▶ Exercise prompt:
Scan the records below, and wherever a line has the word "Velakula", pull it out.

Stored items:
▶
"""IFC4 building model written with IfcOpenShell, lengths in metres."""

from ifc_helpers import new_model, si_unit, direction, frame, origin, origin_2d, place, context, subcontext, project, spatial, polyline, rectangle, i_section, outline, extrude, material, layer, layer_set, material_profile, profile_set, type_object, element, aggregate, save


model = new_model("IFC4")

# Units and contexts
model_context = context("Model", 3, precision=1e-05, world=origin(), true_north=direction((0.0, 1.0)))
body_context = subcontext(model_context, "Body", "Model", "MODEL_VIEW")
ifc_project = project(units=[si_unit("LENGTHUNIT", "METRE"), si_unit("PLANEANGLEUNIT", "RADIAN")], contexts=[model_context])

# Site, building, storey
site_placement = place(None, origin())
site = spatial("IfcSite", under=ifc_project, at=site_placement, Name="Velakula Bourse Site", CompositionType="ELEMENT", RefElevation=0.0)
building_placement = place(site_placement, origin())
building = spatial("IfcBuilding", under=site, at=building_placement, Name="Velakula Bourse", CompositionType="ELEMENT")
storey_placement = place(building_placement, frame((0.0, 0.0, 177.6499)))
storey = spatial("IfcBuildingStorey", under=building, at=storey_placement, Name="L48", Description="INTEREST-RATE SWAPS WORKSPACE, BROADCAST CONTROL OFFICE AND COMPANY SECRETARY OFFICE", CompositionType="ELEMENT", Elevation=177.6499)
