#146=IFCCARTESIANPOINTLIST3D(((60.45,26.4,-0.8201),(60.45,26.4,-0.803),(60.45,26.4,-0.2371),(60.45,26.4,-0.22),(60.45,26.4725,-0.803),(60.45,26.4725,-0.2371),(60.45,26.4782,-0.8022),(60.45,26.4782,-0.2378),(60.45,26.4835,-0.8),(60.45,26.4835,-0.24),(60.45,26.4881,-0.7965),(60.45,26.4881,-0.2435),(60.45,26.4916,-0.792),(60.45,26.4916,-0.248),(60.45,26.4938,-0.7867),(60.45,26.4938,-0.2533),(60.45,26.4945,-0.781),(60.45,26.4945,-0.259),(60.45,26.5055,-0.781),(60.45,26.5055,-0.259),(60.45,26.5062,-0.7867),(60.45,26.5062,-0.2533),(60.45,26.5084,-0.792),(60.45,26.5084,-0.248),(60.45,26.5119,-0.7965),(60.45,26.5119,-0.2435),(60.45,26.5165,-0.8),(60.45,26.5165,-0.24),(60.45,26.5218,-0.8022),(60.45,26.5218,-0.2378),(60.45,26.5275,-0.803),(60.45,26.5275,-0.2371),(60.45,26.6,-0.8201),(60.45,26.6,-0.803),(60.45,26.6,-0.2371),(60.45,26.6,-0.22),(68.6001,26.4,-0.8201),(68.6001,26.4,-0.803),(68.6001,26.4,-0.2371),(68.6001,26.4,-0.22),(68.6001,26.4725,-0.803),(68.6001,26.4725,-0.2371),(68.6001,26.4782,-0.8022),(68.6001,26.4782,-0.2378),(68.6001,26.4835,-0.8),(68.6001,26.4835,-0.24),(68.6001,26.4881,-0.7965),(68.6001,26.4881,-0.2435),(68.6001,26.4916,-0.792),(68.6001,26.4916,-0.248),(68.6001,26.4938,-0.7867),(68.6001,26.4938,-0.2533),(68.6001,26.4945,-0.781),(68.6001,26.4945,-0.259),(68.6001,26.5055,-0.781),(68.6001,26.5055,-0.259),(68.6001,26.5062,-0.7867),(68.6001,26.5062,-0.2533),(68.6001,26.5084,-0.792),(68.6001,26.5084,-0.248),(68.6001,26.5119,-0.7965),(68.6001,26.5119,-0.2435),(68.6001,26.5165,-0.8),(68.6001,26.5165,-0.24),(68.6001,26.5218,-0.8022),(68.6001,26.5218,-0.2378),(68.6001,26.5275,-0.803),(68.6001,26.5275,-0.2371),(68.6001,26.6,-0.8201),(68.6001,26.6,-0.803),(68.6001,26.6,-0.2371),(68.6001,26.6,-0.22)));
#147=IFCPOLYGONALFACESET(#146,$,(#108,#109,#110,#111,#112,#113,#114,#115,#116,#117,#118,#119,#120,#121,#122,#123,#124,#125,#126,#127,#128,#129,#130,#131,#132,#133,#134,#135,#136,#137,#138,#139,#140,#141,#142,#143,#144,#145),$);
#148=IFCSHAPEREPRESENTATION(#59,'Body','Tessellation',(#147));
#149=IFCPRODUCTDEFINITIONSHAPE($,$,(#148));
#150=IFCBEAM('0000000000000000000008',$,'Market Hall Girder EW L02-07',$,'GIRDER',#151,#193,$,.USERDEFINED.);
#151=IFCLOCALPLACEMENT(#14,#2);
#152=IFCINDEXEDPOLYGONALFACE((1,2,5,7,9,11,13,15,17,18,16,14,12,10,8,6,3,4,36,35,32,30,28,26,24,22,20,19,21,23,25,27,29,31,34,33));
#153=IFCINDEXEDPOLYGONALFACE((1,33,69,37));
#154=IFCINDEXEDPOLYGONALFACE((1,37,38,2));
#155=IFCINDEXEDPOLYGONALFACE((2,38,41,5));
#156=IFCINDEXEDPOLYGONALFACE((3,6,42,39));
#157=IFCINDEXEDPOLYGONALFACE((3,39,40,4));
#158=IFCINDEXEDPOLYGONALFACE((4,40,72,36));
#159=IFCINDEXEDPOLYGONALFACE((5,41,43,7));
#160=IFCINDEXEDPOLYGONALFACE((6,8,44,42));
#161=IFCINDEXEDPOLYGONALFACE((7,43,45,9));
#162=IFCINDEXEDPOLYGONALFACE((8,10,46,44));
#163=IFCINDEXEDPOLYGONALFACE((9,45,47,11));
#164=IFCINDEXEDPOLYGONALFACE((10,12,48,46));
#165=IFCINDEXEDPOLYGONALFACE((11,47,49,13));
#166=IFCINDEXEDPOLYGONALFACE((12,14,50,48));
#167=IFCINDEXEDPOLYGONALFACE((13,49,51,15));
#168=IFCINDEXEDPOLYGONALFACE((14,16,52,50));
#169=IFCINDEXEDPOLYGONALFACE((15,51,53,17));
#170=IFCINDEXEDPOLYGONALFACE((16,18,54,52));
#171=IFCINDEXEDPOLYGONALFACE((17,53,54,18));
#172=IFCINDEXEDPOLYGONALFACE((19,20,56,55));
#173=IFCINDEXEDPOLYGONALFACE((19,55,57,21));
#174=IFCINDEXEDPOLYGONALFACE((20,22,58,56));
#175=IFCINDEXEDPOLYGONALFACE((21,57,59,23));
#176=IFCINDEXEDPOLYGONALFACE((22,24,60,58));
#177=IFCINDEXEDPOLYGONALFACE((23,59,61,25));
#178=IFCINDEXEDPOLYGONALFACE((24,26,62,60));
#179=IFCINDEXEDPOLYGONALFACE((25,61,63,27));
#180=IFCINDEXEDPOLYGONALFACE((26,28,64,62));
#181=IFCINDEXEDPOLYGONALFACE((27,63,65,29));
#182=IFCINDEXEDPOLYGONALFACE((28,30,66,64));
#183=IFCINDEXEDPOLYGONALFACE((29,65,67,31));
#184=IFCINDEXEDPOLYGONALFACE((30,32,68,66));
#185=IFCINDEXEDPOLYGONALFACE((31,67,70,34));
◀
▶ Answer to this problem:
site = spatial("IfcSite", under=ifc_project, at=site_placement, Name="Velakula Bourse Site", CompositionType="ELEMENT", RefElevation=0.0)
building = spatial("IfcBuilding", under=site, at=building_placement, Name="Velakula Bourse", CompositionType="ELEMENT")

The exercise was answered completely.